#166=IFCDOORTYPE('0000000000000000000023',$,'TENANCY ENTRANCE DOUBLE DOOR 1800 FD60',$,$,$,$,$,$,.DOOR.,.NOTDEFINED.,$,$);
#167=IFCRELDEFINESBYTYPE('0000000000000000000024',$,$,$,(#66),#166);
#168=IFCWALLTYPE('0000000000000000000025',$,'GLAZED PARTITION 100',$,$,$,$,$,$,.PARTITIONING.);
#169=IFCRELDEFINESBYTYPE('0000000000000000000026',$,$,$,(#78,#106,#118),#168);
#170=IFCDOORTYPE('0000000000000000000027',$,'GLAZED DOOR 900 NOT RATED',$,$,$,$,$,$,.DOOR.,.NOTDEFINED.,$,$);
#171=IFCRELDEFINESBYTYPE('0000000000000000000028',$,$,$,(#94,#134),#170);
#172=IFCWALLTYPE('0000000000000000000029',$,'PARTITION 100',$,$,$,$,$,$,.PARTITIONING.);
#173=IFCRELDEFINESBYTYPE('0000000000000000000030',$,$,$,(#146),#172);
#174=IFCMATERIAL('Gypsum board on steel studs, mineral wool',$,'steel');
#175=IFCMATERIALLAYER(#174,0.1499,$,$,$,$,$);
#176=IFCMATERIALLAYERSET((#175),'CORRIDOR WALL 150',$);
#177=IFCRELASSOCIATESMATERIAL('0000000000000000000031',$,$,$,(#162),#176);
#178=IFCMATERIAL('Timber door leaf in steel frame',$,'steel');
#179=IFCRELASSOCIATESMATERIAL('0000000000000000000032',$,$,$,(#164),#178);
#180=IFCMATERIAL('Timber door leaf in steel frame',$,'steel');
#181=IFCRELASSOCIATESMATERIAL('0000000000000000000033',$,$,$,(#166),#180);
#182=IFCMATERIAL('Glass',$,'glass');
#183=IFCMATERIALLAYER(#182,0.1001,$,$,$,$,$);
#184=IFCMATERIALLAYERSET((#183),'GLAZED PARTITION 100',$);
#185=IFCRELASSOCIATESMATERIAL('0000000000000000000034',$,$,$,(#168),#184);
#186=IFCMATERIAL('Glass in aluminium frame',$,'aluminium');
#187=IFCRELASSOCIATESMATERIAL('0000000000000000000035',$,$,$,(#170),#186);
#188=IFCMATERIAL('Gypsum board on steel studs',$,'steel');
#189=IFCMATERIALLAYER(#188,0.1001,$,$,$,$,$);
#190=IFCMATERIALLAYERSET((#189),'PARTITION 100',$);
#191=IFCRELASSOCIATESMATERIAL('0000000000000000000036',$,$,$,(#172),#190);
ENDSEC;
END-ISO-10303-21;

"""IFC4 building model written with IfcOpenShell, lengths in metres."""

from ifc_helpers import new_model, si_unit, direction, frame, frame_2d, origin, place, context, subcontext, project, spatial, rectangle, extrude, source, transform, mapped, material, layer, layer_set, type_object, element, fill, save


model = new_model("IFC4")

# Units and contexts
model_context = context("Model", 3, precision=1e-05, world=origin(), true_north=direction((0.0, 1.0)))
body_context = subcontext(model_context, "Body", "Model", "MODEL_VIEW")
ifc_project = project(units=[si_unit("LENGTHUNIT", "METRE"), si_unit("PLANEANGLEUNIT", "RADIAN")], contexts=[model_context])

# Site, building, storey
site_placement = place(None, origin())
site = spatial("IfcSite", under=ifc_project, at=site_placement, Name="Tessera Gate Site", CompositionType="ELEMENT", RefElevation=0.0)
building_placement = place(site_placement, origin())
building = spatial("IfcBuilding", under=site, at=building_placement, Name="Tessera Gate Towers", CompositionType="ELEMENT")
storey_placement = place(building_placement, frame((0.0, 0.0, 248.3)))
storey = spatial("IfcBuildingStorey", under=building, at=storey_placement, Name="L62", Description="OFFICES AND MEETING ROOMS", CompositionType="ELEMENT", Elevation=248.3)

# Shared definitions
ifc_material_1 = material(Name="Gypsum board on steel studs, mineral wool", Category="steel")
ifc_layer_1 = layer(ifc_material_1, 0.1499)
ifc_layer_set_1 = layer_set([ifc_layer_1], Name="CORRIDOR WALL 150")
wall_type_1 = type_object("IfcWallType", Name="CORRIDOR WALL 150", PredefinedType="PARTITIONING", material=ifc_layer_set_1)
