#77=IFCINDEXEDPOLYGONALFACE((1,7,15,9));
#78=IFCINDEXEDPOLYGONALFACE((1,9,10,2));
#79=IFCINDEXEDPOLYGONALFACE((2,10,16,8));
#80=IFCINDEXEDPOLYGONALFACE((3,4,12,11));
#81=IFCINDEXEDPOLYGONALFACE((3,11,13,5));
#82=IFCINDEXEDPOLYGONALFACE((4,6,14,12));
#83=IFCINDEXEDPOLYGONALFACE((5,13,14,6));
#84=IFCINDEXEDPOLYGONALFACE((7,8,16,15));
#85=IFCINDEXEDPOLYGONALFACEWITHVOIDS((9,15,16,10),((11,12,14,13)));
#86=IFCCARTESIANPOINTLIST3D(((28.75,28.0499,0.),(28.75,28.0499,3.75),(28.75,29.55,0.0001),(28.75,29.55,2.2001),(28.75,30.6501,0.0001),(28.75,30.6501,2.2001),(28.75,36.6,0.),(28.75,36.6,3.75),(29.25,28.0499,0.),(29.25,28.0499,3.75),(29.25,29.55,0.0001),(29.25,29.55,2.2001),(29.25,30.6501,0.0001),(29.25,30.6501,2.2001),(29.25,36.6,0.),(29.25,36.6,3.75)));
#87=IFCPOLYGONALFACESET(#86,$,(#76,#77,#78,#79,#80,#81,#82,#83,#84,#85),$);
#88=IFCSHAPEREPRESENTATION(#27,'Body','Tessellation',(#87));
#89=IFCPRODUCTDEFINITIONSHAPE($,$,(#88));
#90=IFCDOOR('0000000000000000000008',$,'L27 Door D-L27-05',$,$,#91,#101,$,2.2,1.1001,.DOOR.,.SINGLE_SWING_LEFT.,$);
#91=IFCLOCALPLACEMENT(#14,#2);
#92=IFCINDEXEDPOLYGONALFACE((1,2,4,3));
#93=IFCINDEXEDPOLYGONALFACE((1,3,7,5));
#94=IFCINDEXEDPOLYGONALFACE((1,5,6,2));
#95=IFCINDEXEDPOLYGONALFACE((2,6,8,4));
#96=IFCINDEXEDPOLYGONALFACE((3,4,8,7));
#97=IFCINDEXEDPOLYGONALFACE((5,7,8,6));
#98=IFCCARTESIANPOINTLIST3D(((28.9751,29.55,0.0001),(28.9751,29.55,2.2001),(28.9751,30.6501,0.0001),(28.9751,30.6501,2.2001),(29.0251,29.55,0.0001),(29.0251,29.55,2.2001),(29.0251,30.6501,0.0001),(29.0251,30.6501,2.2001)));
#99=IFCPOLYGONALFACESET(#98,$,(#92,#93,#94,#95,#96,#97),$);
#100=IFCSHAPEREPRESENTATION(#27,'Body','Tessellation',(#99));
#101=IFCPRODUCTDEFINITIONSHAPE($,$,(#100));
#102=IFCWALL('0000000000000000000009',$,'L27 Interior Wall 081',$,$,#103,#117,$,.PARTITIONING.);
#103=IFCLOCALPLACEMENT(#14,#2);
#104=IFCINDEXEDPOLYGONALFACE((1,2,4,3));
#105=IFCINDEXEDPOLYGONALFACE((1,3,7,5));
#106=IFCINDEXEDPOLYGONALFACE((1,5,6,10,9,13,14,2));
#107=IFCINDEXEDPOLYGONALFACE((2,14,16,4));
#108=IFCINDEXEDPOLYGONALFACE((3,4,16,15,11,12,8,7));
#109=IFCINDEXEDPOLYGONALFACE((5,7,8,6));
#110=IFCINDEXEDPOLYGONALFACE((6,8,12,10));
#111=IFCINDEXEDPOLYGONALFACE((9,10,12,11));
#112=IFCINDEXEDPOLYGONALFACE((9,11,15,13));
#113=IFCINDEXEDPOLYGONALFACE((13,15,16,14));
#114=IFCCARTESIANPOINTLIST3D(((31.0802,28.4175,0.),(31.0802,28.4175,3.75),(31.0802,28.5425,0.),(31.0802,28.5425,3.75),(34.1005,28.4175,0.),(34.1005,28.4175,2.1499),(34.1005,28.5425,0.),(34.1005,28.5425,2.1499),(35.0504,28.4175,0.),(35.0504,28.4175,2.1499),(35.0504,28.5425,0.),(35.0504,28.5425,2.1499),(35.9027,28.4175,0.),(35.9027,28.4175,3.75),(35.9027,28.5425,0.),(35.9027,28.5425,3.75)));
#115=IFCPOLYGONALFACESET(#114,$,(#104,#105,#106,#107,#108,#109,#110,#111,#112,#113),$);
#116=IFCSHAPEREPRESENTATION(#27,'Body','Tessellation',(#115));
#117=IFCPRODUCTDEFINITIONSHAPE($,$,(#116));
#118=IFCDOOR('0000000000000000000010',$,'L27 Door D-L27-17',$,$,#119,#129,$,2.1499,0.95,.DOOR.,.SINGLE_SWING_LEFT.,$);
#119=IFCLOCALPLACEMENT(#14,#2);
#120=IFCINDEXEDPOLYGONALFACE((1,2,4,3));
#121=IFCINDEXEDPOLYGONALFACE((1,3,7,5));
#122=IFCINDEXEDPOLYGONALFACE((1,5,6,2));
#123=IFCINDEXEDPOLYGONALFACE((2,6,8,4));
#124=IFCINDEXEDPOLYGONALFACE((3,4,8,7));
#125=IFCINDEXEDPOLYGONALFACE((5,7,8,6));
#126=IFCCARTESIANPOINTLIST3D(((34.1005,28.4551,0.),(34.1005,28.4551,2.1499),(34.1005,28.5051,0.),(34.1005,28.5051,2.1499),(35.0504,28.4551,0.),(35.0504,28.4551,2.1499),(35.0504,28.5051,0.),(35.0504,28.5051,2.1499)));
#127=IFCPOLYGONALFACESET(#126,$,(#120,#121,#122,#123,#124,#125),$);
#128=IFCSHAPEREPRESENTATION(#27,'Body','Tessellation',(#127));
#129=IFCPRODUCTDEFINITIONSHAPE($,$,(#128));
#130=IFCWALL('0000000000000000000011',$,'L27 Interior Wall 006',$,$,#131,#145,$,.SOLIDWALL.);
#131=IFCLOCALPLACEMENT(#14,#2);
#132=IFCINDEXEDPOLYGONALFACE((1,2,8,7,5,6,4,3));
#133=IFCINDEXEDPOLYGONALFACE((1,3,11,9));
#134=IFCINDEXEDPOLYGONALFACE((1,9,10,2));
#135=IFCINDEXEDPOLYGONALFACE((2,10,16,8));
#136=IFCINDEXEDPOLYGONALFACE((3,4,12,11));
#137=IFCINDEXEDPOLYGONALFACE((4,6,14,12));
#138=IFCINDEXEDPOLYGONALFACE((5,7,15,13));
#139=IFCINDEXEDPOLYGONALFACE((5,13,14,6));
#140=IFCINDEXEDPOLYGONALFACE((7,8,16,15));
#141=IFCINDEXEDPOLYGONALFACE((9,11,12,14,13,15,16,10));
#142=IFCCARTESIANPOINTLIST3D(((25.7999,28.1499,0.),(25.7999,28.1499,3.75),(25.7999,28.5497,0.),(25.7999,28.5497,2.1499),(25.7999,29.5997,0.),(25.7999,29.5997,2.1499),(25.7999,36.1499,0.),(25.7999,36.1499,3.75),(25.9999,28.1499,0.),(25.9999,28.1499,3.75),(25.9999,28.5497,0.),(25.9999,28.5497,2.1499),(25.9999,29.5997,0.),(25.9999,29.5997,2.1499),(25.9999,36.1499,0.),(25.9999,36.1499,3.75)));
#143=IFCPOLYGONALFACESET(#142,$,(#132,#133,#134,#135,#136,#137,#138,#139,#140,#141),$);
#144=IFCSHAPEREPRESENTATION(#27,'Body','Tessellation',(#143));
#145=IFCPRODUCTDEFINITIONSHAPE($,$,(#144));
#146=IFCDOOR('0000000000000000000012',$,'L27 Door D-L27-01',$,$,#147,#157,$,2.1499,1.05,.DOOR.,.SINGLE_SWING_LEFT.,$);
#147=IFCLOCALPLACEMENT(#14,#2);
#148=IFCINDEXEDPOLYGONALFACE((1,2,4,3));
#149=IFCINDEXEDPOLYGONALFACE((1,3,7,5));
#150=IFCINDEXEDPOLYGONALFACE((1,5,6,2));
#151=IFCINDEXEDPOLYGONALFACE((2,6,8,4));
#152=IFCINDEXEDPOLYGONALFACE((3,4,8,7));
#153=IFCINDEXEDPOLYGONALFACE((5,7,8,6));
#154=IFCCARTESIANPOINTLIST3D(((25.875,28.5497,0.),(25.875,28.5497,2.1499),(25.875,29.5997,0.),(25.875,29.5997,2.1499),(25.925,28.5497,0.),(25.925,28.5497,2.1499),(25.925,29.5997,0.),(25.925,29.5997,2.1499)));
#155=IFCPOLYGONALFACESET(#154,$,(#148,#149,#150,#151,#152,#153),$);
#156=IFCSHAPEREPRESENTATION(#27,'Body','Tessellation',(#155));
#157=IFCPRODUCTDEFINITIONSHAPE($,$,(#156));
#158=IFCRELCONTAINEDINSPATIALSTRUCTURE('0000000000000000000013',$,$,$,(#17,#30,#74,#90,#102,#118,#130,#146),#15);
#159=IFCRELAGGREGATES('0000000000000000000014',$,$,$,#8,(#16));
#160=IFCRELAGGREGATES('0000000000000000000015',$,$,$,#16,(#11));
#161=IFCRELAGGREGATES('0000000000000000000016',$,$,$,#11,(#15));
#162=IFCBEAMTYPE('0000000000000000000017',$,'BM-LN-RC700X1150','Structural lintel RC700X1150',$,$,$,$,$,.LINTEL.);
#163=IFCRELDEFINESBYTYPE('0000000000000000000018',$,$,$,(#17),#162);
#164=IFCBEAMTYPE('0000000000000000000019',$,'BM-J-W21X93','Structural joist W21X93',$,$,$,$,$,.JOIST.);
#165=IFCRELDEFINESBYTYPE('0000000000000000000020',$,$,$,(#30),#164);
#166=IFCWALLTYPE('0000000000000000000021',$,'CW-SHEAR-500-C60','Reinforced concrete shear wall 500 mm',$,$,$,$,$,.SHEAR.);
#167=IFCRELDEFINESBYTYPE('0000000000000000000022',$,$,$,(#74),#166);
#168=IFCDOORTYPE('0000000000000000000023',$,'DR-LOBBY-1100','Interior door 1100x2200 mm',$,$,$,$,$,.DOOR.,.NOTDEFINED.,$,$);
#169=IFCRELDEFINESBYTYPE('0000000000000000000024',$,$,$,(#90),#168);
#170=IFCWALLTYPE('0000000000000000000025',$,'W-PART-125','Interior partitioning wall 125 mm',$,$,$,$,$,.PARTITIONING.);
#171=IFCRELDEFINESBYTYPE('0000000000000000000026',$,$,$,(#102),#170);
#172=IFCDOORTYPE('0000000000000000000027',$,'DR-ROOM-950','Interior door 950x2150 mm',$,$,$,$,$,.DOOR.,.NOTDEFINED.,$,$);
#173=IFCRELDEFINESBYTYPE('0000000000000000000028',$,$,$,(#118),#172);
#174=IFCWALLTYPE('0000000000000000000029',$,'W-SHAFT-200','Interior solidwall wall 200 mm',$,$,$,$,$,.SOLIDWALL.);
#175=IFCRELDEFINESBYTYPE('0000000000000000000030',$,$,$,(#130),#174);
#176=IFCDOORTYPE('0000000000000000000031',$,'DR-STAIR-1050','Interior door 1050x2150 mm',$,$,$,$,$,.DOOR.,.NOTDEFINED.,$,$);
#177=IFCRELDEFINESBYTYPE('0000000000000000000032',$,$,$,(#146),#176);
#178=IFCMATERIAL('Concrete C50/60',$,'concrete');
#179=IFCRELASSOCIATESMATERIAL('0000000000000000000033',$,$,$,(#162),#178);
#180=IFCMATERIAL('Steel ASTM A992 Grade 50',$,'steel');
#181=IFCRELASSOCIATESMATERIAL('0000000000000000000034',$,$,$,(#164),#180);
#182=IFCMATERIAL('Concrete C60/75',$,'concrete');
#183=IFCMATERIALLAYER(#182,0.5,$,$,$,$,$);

- WHAT THIS TASK INVOLVES
Starting with the line above that holds "#129=IFCPRODUCTDEFINITIONSHAPE($,$,(#128));" and stopping with the line that holds "#137=IFCINDEXEDPOLYGONALFACE((4,6,14,12));", reproduce each line exactly, omitting all other lines.

- RESULT FOR THIS TASK
#129=IFCPRODUCTDEFINITIONSHAPE($,$,(#128));
#130=IFCWALL('0000000000000000000011',$,'L27 Interior Wall 006',$,$,#131,#145,$,.SOLIDWALL.);
#131=IFCLOCALPLACEMENT(#14,#2);
#132=IFCINDEXEDPOLYGONALFACE((1,2,8,7,5,6,4,3));
#133=IFCINDEXEDPOLYGONALFACE((1,3,11,9));
#134=IFCINDEXEDPOLYGONALFACE((1,9,10,2));
#135=IFCINDEXEDPOLYGONALFACE((2,10,16,8));
#136=IFCINDEXEDPOLYGONALFACE((3,4,12,11));
#137=IFCINDEXEDPOLYGONALFACE((4,6,14,12));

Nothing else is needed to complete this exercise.